======== Stored data
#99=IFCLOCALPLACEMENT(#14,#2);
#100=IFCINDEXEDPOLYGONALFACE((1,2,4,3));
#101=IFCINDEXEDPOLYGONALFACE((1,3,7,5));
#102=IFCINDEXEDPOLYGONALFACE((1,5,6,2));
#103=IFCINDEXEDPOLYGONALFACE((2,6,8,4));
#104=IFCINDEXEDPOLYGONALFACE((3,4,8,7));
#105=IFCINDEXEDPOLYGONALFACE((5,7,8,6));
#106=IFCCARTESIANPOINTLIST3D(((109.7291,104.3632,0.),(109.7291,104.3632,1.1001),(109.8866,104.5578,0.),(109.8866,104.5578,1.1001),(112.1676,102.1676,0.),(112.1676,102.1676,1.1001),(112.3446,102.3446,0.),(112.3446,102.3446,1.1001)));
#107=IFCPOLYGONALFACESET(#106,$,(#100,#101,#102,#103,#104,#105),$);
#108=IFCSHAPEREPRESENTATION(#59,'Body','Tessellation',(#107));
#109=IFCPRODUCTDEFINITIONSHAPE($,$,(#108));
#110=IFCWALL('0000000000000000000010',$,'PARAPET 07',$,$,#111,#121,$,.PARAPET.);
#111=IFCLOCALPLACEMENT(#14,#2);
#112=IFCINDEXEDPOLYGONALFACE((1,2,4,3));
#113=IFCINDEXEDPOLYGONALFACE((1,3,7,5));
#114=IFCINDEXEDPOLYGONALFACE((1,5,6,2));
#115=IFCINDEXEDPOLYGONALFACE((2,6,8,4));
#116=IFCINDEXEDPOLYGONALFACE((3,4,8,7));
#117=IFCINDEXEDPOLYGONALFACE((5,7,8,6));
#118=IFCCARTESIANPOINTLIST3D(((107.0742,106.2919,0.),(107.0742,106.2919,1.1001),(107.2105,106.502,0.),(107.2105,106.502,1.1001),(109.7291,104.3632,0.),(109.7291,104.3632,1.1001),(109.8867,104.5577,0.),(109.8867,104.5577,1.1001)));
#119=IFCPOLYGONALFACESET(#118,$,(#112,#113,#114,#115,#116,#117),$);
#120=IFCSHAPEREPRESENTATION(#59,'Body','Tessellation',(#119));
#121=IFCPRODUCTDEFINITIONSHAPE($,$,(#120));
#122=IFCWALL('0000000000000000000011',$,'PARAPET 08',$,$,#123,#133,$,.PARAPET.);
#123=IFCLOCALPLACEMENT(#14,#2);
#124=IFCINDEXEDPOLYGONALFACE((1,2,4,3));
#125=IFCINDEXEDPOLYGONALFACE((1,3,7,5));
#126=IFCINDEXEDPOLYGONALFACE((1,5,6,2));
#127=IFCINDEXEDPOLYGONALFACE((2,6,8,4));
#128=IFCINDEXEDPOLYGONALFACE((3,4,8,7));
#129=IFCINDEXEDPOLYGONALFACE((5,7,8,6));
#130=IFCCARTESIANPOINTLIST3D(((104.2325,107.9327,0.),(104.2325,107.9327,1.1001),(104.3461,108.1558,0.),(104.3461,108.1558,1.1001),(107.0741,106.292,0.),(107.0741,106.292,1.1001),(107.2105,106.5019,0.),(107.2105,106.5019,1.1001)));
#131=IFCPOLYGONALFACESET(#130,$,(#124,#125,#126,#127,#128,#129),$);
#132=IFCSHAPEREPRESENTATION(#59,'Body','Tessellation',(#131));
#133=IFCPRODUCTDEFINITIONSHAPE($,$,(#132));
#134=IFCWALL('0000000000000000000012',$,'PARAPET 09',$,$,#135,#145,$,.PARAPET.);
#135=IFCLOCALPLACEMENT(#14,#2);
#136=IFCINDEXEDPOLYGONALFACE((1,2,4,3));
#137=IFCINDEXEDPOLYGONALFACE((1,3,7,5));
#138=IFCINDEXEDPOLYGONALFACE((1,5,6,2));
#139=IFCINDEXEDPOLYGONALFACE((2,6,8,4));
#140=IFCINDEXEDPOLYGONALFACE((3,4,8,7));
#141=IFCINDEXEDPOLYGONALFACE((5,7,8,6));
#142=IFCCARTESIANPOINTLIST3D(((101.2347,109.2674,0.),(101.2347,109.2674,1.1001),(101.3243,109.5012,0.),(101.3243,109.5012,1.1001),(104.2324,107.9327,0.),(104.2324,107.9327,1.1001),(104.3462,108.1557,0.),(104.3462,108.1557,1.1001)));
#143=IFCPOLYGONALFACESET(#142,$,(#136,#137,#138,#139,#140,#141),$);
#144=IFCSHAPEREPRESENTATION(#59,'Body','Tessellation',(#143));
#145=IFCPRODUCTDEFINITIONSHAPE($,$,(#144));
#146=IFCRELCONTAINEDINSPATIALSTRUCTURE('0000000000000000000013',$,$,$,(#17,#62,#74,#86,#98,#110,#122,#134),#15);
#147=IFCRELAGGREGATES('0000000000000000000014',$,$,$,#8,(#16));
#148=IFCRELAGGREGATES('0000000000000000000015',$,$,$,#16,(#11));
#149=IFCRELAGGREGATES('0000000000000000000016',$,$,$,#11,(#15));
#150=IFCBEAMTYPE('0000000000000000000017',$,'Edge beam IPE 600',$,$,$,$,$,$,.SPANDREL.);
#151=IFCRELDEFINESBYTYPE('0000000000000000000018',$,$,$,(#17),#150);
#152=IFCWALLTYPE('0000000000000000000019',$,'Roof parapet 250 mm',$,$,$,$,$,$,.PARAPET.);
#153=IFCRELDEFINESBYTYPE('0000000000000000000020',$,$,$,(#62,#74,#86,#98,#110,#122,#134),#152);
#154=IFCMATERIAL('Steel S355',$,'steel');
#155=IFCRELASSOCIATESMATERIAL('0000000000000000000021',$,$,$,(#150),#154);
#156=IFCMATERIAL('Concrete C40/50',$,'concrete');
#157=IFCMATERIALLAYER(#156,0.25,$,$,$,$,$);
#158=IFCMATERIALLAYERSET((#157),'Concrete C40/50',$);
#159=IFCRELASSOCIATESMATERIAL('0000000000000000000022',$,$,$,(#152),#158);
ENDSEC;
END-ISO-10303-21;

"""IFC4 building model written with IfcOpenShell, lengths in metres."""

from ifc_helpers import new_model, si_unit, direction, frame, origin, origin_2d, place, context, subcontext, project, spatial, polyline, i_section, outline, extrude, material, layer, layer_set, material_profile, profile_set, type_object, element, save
================
### Exercise directions
Exactly the lines running from the top of the records to the line that contains "#116=IFCINDEXEDPOLYGONALFACE((3,4,8,7));", inclusive, must be set down, and nothing more.

### Task solution
#99=IFCLOCALPLACEMENT(#14,#2);
#100=IFCINDEXEDPOLYGONALFACE((1,2,4,3));
#101=IFCINDEXEDPOLYGONALFACE((1,3,7,5));
#102=IFCINDEXEDPOLYGONALFACE((1,5,6,2));
#103=IFCINDEXEDPOLYGONALFACE((2,6,8,4));
#104=IFCINDEXEDPOLYGONALFACE((3,4,8,7));
#105=IFCINDEXEDPOLYGONALFACE((5,7,8,6));
#106=IFCCARTESIANPOINTLIST3D(((109.7291,104.3632,0.),(109.7291,104.3632,1.1001),(109.8866,104.5578,0.),(109.8866,104.5578,1.1001),(112.1676,102.1676,0.),(112.1676,102.1676,1.1001),(112.3446,102.3446,0.),(112.3446,102.3446,1.1001)));
#107=IFCPOLYGONALFACESET(#106,$,(#100,#101,#102,#103,#104,#105),$);
#108=IFCSHAPEREPRESENTATION(#59,'Body','Tessellation',(#107));
#109=IFCPRODUCTDEFINITIONSHAPE($,$,(#108));
#110=IFCWALL('0000000000000000000010',$,'PARAPET 07',$,$,#111,#121,$,.PARAPET.);
#111=IFCLOCALPLACEMENT(#14,#2);
#112=IFCINDEXEDPOLYGONALFACE((1,2,4,3));
#113=IFCINDEXEDPOLYGONALFACE((1,3,7,5));
#114=IFCINDEXEDPOLYGONALFACE((1,5,6,2));
#115=IFCINDEXEDPOLYGONALFACE((2,6,8,4));
#116=IFCINDEXEDPOLYGONALFACE((3,4,8,7));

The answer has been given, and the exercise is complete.